BEGIN Source records
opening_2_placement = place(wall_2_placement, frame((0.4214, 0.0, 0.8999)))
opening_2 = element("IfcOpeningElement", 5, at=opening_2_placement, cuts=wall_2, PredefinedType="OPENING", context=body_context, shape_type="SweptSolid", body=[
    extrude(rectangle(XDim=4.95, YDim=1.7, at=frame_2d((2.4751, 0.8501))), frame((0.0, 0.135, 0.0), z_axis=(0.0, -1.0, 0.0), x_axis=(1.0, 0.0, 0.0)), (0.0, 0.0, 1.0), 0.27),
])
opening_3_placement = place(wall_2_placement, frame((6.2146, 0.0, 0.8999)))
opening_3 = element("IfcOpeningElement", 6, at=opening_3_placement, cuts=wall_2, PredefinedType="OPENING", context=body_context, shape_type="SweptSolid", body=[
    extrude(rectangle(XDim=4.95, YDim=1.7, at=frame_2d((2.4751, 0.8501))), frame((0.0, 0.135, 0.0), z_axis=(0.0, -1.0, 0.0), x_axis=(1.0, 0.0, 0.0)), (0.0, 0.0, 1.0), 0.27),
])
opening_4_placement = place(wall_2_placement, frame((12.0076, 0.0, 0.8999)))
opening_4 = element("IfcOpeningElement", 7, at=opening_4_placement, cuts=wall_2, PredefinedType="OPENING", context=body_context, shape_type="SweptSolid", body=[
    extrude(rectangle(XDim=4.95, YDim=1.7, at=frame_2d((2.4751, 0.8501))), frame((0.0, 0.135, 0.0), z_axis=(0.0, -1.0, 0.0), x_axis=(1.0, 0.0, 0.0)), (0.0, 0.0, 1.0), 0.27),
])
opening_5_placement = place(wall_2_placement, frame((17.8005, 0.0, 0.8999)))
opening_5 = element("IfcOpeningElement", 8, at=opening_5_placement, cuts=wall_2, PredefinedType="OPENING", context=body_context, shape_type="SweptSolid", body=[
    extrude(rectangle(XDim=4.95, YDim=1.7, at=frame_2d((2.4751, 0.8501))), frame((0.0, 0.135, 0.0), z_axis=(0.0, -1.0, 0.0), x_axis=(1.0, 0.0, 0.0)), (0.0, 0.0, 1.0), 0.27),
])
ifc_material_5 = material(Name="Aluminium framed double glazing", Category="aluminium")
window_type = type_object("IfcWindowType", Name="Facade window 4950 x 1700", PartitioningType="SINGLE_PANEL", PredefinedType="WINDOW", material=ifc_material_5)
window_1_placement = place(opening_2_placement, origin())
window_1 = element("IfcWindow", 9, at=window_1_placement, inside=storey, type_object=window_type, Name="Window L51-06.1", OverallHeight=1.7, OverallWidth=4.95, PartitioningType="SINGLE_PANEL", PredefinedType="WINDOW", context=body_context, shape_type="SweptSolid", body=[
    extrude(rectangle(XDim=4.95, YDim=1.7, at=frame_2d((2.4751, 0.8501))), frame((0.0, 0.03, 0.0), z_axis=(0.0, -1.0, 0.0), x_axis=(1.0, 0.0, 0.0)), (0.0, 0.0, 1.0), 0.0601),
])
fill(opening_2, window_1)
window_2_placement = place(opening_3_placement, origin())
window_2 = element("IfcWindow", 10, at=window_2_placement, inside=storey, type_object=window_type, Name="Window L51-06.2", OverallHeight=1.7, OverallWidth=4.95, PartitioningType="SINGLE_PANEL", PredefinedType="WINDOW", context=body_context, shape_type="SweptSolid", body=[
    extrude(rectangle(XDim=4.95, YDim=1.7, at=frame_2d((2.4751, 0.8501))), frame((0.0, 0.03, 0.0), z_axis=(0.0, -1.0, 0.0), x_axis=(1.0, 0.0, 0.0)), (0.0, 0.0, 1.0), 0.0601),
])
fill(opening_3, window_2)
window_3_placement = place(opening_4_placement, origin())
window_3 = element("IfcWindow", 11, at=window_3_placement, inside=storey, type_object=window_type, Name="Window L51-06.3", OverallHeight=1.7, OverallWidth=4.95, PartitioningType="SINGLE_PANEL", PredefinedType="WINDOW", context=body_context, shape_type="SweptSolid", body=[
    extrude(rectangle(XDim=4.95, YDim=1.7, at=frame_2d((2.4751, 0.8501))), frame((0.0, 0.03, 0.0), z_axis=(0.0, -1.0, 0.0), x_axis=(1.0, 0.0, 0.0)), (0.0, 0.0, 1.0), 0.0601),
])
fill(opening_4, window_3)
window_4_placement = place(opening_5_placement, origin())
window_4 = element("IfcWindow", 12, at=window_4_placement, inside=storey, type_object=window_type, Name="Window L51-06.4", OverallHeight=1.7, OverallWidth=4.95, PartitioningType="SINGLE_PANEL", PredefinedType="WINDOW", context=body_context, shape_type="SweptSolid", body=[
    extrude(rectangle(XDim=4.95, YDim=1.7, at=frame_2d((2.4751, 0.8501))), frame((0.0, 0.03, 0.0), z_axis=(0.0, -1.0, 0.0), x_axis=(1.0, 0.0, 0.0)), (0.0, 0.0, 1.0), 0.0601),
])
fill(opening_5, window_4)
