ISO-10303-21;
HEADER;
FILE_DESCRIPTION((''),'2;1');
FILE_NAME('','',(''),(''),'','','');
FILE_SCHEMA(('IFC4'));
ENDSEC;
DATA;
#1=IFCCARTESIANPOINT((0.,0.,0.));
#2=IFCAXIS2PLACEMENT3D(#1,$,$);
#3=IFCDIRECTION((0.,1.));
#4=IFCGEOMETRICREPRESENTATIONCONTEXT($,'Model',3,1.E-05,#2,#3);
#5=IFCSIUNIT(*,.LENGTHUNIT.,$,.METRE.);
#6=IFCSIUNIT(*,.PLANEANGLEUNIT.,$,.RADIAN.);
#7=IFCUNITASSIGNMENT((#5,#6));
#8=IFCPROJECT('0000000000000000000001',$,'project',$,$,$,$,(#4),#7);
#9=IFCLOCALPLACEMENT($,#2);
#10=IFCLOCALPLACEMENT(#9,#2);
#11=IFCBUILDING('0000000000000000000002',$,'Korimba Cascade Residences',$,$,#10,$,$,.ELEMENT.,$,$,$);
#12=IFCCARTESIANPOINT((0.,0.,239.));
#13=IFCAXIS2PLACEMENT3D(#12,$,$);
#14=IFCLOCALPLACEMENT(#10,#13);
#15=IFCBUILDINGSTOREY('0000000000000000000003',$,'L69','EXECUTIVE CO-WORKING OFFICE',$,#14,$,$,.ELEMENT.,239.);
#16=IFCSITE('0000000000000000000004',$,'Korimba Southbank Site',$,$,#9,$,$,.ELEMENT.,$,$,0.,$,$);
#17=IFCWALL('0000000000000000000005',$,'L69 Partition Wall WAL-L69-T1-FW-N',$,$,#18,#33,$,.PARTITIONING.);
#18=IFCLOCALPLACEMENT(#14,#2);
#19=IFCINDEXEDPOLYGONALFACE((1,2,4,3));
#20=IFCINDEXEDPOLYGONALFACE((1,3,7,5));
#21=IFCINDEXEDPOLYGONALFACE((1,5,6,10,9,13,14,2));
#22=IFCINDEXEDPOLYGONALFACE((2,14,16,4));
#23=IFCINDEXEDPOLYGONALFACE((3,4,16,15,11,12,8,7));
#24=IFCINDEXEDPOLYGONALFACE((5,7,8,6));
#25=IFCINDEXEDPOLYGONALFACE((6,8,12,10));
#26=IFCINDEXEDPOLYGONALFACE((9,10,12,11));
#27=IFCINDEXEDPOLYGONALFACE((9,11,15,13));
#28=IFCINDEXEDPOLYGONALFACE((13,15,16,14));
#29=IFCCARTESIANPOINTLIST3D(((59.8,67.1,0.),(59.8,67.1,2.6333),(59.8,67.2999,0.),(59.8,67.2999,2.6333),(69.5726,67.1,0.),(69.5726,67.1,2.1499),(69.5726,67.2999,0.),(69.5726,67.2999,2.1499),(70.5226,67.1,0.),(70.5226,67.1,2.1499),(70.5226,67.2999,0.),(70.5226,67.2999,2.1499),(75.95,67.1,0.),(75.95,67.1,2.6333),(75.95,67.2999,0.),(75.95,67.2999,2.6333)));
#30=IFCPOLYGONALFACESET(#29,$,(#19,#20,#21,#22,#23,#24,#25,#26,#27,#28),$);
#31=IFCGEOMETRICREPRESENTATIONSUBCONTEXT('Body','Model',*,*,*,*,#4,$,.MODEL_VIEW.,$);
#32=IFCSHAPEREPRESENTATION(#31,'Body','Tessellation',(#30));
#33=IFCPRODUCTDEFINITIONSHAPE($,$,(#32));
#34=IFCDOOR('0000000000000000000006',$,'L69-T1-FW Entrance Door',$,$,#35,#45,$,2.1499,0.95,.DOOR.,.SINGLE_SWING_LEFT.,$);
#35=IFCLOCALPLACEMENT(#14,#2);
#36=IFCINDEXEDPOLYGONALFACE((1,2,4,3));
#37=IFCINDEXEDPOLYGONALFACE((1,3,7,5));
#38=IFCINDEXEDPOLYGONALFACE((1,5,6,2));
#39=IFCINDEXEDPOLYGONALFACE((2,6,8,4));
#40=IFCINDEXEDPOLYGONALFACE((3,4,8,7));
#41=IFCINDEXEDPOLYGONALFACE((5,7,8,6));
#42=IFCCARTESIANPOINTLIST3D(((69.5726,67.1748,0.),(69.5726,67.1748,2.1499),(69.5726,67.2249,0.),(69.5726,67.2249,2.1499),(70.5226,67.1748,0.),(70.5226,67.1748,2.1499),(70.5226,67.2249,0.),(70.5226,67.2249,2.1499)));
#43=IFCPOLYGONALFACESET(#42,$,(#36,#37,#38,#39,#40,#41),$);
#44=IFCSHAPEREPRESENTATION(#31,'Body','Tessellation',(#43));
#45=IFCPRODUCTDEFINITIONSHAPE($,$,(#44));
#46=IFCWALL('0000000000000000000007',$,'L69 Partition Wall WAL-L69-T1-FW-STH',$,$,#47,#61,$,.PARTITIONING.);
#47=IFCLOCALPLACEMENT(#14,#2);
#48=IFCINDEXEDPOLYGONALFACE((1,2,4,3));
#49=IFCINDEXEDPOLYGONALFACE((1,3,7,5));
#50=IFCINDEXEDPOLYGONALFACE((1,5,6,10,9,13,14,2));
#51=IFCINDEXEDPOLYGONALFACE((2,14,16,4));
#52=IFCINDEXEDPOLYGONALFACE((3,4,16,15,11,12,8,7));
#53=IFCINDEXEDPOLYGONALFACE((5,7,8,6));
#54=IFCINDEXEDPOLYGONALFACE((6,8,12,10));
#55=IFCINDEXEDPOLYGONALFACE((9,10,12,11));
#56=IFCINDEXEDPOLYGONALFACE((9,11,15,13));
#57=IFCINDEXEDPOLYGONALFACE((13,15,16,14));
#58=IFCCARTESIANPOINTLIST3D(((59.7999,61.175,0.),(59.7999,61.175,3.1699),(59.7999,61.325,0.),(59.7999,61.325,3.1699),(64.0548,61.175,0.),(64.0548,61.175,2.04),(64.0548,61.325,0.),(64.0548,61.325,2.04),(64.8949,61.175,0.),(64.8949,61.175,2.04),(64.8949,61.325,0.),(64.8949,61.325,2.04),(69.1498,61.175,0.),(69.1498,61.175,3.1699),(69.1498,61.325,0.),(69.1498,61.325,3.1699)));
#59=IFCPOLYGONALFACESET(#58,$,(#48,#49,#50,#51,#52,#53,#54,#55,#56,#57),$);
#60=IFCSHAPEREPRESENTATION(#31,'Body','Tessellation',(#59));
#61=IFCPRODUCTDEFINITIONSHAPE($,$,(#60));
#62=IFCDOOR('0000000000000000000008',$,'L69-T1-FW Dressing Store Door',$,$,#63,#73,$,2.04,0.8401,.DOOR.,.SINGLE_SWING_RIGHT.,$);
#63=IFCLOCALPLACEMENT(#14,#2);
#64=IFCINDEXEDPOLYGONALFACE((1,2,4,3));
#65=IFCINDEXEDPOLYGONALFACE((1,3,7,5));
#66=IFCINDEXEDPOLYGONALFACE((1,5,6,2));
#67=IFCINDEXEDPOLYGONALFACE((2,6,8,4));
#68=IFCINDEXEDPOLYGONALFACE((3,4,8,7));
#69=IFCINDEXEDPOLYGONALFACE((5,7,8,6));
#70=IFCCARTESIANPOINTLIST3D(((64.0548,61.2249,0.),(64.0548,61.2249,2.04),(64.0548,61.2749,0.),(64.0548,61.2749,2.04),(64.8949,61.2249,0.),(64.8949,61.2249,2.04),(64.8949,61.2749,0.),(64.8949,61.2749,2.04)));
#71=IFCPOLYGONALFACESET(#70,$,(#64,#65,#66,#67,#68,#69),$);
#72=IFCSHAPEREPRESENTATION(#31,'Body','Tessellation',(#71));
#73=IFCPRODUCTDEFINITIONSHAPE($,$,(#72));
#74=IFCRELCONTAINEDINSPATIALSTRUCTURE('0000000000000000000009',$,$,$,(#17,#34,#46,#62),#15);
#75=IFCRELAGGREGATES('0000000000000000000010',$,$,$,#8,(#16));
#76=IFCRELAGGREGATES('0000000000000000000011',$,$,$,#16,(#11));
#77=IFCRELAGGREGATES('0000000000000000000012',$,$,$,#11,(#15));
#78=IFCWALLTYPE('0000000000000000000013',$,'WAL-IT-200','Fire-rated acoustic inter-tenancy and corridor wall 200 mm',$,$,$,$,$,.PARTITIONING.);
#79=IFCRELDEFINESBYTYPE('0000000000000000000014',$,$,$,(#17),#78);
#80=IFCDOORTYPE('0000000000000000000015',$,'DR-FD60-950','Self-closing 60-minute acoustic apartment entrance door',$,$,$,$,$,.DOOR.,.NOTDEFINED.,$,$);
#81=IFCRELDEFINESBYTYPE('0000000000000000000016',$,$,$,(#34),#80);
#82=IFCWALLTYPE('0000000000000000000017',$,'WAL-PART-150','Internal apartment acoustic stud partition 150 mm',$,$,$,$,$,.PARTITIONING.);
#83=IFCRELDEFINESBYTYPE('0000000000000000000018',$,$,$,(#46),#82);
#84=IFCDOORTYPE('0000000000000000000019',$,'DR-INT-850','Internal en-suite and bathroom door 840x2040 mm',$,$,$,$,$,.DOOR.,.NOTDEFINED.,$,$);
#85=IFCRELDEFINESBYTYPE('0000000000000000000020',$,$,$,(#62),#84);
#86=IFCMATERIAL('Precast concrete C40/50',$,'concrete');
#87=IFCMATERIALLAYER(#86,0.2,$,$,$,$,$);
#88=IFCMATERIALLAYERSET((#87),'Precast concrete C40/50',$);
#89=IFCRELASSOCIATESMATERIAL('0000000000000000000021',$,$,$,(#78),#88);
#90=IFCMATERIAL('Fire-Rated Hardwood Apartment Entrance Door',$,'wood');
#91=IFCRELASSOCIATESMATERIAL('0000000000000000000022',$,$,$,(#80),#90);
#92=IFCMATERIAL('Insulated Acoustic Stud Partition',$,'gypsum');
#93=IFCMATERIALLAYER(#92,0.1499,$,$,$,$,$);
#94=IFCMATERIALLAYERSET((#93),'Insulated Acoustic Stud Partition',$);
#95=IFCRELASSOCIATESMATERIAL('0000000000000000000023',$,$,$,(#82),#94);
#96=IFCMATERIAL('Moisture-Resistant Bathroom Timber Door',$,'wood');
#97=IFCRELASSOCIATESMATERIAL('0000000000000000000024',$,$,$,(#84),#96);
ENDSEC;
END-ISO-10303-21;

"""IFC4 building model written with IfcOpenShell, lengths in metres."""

from ifc_helpers import new_model, si_unit, direction, frame, frame_2d, origin, place, context, subcontext, project, spatial, rectangle, extrude, material, layer, layer_set, type_object, element, fill, save


model = new_model("IFC4")

# Units and contexts
model_context = context("Model", 3, precision=1e-05, world=origin(), true_north=direction((0.0, 1.0)))
body_context = subcontext(model_context, "Body", "Model", "MODEL_VIEW")
ifc_project = project(units=[si_unit("LENGTHUNIT", "METRE"), si_unit("PLANEANGLEUNIT", "RADIAN")], contexts=[model_context])

# Site, building, storey
site_placement = place(None, origin())
site = spatial("IfcSite", under=ifc_project, at=site_placement, Name="Korimba Southbank Site", CompositionType="ELEMENT", RefElevation=0.0)
building_placement = place(site_placement, origin())
building = spatial("IfcBuilding", under=site, at=building_placement, Name="Korimba Cascade Residences", CompositionType="ELEMENT")
storey_placement = place(building_placement, frame((0.0, 0.0, 239.0)))
storey = spatial("IfcBuildingStorey", under=building, at=storey_placement, Name="L69", Description="EXECUTIVE CO-WORKING OFFICE", CompositionType="ELEMENT", Elevation=239.0)

# Shared definitions
ifc_material_1 = material(Name="Precast concrete C40/50", Category="concrete")

# Shared definitions
ifc_layer_1 = layer(ifc_material_1, 0.2)
ifc_layer_set_1 = layer_set([ifc_layer_1], Name="Precast concrete C40/50")
wall_type_1 = type_object("IfcWallType", Name="WAL-IT-200", Description="Fire-rated acoustic inter-tenancy and corridor wall 200 mm", PredefinedType="PARTITIONING", material=ifc_layer_set_1)

# Walls, openings, doors
wall_1_placement = place(storey_placement, frame((59.8, 67.2, 0.0), z_axis=(0.0, 0.0, 1.0), x_axis=(1.0, 0.0, 0.0)))
wall_1 = element("IfcWall", 1, at=wall_1_placement, inside=storey, type_object=wall_type_1, Name="L69 Partition Wall WAL-L69-T1-FW-N", PredefinedType="PARTITIONING", context=body_context, shape_type="SweptSolid", body=[
    extrude(rectangle(XDim=16.1499, YDim=0.2, at=frame_2d((8.075, 0.0))), origin(), (0.0, 0.0, 1.0), 2.6333),
])
opening_1_placement = place(wall_1_placement, frame((9.7725, 0.0, 0.0)))
opening_1 = element("IfcOpeningElement", 2, at=opening_1_placement, cuts=wall_1, PredefinedType="OPENING", context=body_context, shape_type="SweptSolid", body=[
    extrude(rectangle(XDim=0.95, YDim=2.1499, at=frame_2d((0.4751, 1.075))), frame((0.0, 0.1099, 0.0), z_axis=(0.0, -1.0, 0.0), x_axis=(1.0, 0.0, 0.0)), (0.0, 0.0, 1.0), 0.22),
])
ifc_material_2 = material(Name="Fire-Rated Hardwood Apartment Entrance Door", Category="wood")
door_type_1 = type_object("IfcDoorType", Name="DR-FD60-950", Description="Self-closing 60-minute acoustic apartment entrance door", OperationType="NOTDEFINED", PredefinedType="DOOR", material=ifc_material_2)
door_1_placement = place(opening_1_placement, origin())
door_1 = element("IfcDoor", 3, at=door_1_placement, inside=storey, type_object=door_type_1, Name="L69-T1-FW Entrance Door", OperationType="SINGLE_SWING_LEFT", OverallHeight=2.1499, OverallWidth=0.95, PredefinedType="DOOR", context=body_context, shape_type="SweptSolid", body=[
    extrude(rectangle(XDim=0.95, YDim=2.1499, at=frame_2d((0.4751, 1.075))), frame((0.0, 0.0249, 0.0), z_axis=(0.0, -1.0, 0.0), x_axis=(1.0, 0.0, 0.0)), (0.0, 0.0, 1.0), 0.05),
])
fill(opening_1, door_1)
ifc_material_3 = material(Name="Insulated Acoustic Stud Partition", Category="gypsum")
ifc_layer_2 = layer(ifc_material_3, 0.1499)
ifc_layer_set_2 = layer_set([ifc_layer_2], Name="Insulated Acoustic Stud Partition")
wall_type_2 = type_object("IfcWallType", Name="WAL-PART-150", Description="Internal apartment acoustic stud partition 150 mm", PredefinedType="PARTITIONING", material=ifc_layer_set_2)
wall_2_placement = place(storey_placement, frame((59.8, 61.25, 0.0), z_axis=(0.0, 0.0, 1.0), x_axis=(1.0, 0.0, 0.0)))
wall_2 = element("IfcWall", 4, at=wall_2_placement, inside=storey, type_object=wall_type_2, Name="L69 Partition Wall WAL-L69-T1-FW-STH", PredefinedType="PARTITIONING", context=body_context, shape_type="SweptSolid", body=[
    extrude(rectangle(XDim=9.3499, YDim=0.1499, at=frame_2d((4.6748, 0.0))), origin(), (0.0, 0.0, 1.0), 3.1699),
])
opening_2_placement = place(wall_2_placement, frame((4.2549, 0.0, 0.0)))
opening_2 = element("IfcOpeningElement", 5, at=opening_2_placement, cuts=wall_2, PredefinedType="OPENING", context=body_context, shape_type="SweptSolid", body=[
    extrude(rectangle(XDim=0.8401, YDim=2.04, at=frame_2d((0.4199, 1.02))), frame((0.0, 0.085, 0.0), z_axis=(0.0, -1.0, 0.0), x_axis=(1.0, 0.0, 0.0)), (0.0, 0.0, 1.0), 0.1699),
])
ifc_material_4 = material(Name="Moisture-Resistant Bathroom Timber Door", Category="wood")
door_type_2 = type_object("IfcDoorType", Name="DR-INT-850", Description="Internal en-suite and bathroom door 840x2040 mm", OperationType="NOTDEFINED", PredefinedType="DOOR", material=ifc_material_4)
door_2_placement = place(opening_2_placement, origin())
door_2 = element("IfcDoor", 6, at=door_2_placement, inside=storey, type_object=door_type_2, Name="L69-T1-FW Dressing Store Door", OperationType="SINGLE_SWING_RIGHT", OverallHeight=2.04, OverallWidth=0.8401, PredefinedType="DOOR", context=body_context, shape_type="SweptSolid", body=[
    extrude(rectangle(XDim=0.8401, YDim=2.04, at=frame_2d((0.4199, 1.02))), frame((0.0, 0.0249, 0.0), z_axis=(0.0, -1.0, 0.0), x_axis=(1.0, 0.0, 0.0)), (0.0, 0.0, 1.0), 0.05),
])
fill(opening_2, door_2)

save(model, "model.ifc")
END Source records
Exact duplication is required for the lines above, from the line that contains "#43=IFCPOLYGONALFACESET(#42,$,(#36,#37,#38,#39,#40,#41),$);" to the line that contains "#64=IFCINDEXEDPOLYGONALFACE((1,2,4,3));", inclusive; omit all others.

▸ Task response:
#43=IFCPOLYGONALFACESET(#42,$,(#36,#37,#38,#39,#40,#41),$);
#44=IFCSHAPEREPRESENTATION(#31,'Body','Tessellation',(#43));
#45=IFCPRODUCTDEFINITIONSHAPE($,$,(#44));
#46=IFCWALL('0000000000000000000007',$,'L69 Partition Wall WAL-L69-T1-FW-STH',$,$,#47,#61,$,.PARTITIONING.);
#47=IFCLOCALPLACEMENT(#14,#2);
#48=IFCINDEXEDPOLYGONALFACE((1,2,4,3));
#49=IFCINDEXEDPOLYGONALFACE((1,3,7,5));
#50=IFCINDEXEDPOLYGONALFACE((1,5,6,10,9,13,14,2));
#51=IFCINDEXEDPOLYGONALFACE((2,14,16,4));
#52=IFCINDEXEDPOLYGONALFACE((3,4,16,15,11,12,8,7));
#53=IFCINDEXEDPOLYGONALFACE((5,7,8,6));
#54=IFCINDEXEDPOLYGONALFACE((6,8,12,10));
#55=IFCINDEXEDPOLYGONALFACE((9,10,12,11));
#56=IFCINDEXEDPOLYGONALFACE((9,11,15,13));
#57=IFCINDEXEDPOLYGONALFACE((13,15,16,14));
#58=IFCCARTESIANPOINTLIST3D(((59.7999,61.175,0.),(59.7999,61.175,3.1699),(59.7999,61.325,0.),(59.7999,61.325,3.1699),(64.0548,61.175,0.),(64.0548,61.175,2.04),(64.0548,61.325,0.),(64.0548,61.325,2.04),(64.8949,61.175,0.),(64.8949,61.175,2.04),(64.8949,61.325,0.),(64.8949,61.325,2.04),(69.1498,61.175,0.),(69.1498,61.175,3.1699),(69.1498,61.325,0.),(69.1498,61.325,3.1699)));
#59=IFCPOLYGONALFACESET(#58,$,(#48,#49,#50,#51,#52,#53,#54,#55,#56,#57),$);
#60=IFCSHAPEREPRESENTATION(#31,'Body','Tessellation',(#59));
#61=IFCPRODUCTDEFINITIONSHAPE($,$,(#60));
#62=IFCDOOR('0000000000000000000008',$,'L69-T1-FW Dressing Store Door',$,$,#63,#73,$,2.04,0.8401,.DOOR.,.SINGLE_SWING_RIGHT.,$);
#63=IFCLOCALPLACEMENT(#14,#2);
#64=IFCINDEXEDPOLYGONALFACE((1,2,4,3));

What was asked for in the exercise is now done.